━━ Records provided ━━

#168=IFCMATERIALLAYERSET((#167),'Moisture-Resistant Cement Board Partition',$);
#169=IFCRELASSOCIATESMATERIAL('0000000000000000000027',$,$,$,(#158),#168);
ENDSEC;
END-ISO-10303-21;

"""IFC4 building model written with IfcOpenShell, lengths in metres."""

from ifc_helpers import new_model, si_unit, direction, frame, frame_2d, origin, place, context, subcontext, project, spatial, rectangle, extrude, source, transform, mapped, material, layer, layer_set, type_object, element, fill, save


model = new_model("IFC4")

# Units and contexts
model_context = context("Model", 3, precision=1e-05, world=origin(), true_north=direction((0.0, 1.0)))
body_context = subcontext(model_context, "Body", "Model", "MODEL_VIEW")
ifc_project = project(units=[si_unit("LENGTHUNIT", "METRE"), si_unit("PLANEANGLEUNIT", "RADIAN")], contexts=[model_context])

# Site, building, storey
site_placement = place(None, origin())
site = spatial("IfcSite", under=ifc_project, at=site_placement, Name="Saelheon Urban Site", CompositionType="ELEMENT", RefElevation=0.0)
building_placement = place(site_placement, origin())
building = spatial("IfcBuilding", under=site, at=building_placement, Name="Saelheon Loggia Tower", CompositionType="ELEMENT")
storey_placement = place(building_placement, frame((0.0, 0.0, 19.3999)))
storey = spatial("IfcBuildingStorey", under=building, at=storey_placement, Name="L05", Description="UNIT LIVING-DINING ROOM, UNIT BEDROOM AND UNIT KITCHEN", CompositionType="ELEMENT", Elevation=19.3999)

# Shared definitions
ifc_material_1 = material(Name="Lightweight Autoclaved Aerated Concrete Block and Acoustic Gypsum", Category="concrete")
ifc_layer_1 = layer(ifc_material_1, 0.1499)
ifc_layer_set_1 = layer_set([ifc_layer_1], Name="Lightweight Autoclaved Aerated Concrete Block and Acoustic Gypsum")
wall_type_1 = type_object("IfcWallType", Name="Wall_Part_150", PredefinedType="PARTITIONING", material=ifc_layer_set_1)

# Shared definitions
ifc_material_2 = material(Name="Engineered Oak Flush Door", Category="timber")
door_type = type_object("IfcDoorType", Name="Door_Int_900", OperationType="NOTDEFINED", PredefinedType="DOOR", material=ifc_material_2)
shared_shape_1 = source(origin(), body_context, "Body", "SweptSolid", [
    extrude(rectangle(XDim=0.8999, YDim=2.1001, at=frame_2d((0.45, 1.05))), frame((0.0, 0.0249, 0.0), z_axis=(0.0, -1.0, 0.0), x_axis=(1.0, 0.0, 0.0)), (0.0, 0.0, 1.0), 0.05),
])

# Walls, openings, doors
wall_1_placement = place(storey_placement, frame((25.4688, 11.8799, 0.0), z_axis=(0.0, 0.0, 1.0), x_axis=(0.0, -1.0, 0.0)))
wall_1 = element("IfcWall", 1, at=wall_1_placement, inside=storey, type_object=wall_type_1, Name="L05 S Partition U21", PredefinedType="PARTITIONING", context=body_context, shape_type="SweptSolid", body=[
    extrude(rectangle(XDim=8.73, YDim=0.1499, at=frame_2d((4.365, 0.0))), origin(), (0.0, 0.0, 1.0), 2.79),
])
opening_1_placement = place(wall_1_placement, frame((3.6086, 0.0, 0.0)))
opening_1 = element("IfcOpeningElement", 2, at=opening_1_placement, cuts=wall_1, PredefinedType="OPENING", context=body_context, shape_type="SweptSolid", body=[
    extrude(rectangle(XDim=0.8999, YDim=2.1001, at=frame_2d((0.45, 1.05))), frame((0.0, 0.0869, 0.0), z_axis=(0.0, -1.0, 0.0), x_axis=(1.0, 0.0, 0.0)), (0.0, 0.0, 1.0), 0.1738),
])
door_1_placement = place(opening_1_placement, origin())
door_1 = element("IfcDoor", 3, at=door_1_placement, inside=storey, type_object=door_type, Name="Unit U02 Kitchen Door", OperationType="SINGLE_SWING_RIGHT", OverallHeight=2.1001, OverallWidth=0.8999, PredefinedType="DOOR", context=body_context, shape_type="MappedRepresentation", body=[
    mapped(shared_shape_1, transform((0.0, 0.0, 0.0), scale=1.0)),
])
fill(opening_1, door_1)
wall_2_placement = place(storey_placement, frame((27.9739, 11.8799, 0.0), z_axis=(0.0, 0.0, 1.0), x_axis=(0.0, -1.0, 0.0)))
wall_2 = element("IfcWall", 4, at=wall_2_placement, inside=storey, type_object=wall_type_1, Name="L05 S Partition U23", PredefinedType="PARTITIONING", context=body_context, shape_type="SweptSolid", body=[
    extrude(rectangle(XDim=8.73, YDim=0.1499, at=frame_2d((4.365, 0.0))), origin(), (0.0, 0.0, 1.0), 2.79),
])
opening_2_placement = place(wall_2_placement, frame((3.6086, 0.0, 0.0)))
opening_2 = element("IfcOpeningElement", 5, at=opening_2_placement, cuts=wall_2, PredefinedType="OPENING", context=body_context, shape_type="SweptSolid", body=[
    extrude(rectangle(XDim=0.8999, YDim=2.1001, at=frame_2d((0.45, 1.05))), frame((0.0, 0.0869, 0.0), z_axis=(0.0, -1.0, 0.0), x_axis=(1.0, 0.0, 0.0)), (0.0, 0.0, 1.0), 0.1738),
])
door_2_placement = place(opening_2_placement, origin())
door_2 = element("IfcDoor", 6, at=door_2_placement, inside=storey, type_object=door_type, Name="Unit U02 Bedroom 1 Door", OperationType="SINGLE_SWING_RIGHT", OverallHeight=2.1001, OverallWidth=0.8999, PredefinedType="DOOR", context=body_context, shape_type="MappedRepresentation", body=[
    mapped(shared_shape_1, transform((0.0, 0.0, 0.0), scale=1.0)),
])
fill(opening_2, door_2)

━━━

__About this exercise__
Once you have counted the lines above that hold the word "Aerated", report only that total.

__Result of the exercise__
2